*** Source material Section Begins ***

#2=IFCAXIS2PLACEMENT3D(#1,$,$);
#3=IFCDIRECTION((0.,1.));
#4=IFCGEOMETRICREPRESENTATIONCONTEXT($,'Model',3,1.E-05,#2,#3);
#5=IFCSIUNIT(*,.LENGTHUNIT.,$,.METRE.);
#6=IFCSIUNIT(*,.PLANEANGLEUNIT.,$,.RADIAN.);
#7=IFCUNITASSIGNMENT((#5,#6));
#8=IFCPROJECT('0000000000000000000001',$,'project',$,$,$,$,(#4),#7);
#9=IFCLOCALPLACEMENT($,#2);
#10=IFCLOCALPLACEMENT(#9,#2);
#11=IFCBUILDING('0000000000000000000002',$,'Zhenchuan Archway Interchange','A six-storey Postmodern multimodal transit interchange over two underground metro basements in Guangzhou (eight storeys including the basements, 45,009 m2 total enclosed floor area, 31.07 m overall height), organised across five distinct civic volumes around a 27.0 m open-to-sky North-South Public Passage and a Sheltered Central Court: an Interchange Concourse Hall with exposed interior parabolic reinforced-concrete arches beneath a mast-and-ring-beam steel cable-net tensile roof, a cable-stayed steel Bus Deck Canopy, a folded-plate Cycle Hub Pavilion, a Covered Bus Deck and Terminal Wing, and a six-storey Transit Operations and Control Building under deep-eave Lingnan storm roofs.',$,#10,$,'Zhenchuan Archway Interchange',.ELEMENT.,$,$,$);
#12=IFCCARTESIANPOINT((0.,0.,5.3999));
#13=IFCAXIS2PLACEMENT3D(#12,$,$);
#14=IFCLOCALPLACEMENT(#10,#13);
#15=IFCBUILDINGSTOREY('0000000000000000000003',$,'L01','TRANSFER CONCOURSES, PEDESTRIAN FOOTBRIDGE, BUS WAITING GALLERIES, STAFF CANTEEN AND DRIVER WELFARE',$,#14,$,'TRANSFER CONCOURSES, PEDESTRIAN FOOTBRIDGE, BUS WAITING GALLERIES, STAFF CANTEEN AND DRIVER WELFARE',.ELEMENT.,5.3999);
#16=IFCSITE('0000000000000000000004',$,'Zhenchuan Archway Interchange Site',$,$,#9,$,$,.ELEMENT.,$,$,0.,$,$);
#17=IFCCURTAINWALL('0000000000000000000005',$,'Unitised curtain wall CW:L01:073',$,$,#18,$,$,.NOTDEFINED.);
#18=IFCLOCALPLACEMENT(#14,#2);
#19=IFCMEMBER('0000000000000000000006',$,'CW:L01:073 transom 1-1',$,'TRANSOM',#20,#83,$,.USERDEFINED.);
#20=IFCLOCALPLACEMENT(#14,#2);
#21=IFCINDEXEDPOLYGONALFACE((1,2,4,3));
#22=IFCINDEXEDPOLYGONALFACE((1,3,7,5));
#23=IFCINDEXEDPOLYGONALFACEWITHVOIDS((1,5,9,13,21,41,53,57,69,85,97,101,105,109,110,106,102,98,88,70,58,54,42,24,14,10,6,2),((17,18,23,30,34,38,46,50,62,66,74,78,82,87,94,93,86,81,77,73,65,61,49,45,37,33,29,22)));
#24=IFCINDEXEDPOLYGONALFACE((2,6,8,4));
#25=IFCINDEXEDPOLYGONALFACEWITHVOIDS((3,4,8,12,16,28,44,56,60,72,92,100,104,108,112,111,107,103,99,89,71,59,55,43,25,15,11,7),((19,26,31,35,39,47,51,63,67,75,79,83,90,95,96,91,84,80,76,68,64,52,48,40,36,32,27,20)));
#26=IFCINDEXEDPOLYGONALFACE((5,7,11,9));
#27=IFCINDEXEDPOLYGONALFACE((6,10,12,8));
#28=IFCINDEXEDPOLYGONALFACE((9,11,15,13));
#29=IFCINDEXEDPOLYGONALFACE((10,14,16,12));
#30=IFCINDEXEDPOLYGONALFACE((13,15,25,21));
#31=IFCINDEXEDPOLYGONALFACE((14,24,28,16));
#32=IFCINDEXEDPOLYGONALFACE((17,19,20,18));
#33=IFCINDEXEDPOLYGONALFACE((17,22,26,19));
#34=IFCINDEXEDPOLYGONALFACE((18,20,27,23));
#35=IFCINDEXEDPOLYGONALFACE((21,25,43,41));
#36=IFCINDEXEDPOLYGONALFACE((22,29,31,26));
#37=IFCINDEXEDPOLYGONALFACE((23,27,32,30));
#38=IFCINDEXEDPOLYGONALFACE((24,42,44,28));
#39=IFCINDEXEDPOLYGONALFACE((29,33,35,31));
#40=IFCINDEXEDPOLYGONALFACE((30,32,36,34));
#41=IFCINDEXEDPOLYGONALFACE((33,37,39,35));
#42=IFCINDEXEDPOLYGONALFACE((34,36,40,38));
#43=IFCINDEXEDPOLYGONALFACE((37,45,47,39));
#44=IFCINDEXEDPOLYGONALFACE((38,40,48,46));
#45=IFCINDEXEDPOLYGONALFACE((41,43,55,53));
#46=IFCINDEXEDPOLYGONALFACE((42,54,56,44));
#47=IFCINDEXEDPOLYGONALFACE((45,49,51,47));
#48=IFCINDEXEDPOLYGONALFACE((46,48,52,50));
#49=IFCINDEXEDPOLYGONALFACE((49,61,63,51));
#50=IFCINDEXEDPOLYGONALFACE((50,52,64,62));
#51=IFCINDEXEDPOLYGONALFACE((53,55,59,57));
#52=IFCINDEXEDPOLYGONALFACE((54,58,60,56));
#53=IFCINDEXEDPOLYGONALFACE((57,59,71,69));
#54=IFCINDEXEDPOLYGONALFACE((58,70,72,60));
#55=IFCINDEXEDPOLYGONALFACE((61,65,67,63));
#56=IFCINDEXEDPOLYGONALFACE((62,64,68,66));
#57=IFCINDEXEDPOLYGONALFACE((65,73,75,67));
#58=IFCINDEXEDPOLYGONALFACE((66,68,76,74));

*** Source material Section Ends ***

__What the exercise asks__
From the entries above, return exactly the line containing "#31=IFCINDEXEDPOLYGONALFACE((14,24,28,16));", the line containing "#54=IFCINDEXEDPOLYGONALFACE((58,70,72,60));", and all lines between, and nothing else.

__Output of the exercise__
#31=IFCINDEXEDPOLYGONALFACE((14,24,28,16));
#32=IFCINDEXEDPOLYGONALFACE((17,19,20,18));
#33=IFCINDEXEDPOLYGONALFACE((17,22,26,19));
#34=IFCINDEXEDPOLYGONALFACE((18,20,27,23));
#35=IFCINDEXEDPOLYGONALFACE((21,25,43,41));
#36=IFCINDEXEDPOLYGONALFACE((22,29,31,26));
#37=IFCINDEXEDPOLYGONALFACE((23,27,32,30));
#38=IFCINDEXEDPOLYGONALFACE((24,42,44,28));
#39=IFCINDEXEDPOLYGONALFACE((29,33,35,31));
#40=IFCINDEXEDPOLYGONALFACE((30,32,36,34));
#41=IFCINDEXEDPOLYGONALFACE((33,37,39,35));
#42=IFCINDEXEDPOLYGONALFACE((34,36,40,38));
#43=IFCINDEXEDPOLYGONALFACE((37,45,47,39));
#44=IFCINDEXEDPOLYGONALFACE((38,40,48,46));
#45=IFCINDEXEDPOLYGONALFACE((41,43,55,53));
#46=IFCINDEXEDPOLYGONALFACE((42,54,56,44));
#47=IFCINDEXEDPOLYGONALFACE((45,49,51,47));
#48=IFCINDEXEDPOLYGONALFACE((46,48,52,50));
#49=IFCINDEXEDPOLYGONALFACE((49,61,63,51));
#50=IFCINDEXEDPOLYGONALFACE((50,52,64,62));
#51=IFCINDEXEDPOLYGONALFACE((53,55,59,57));
#52=IFCINDEXEDPOLYGONALFACE((54,58,60,56));
#53=IFCINDEXEDPOLYGONALFACE((57,59,71,69));
#54=IFCINDEXEDPOLYGONALFACE((58,70,72,60));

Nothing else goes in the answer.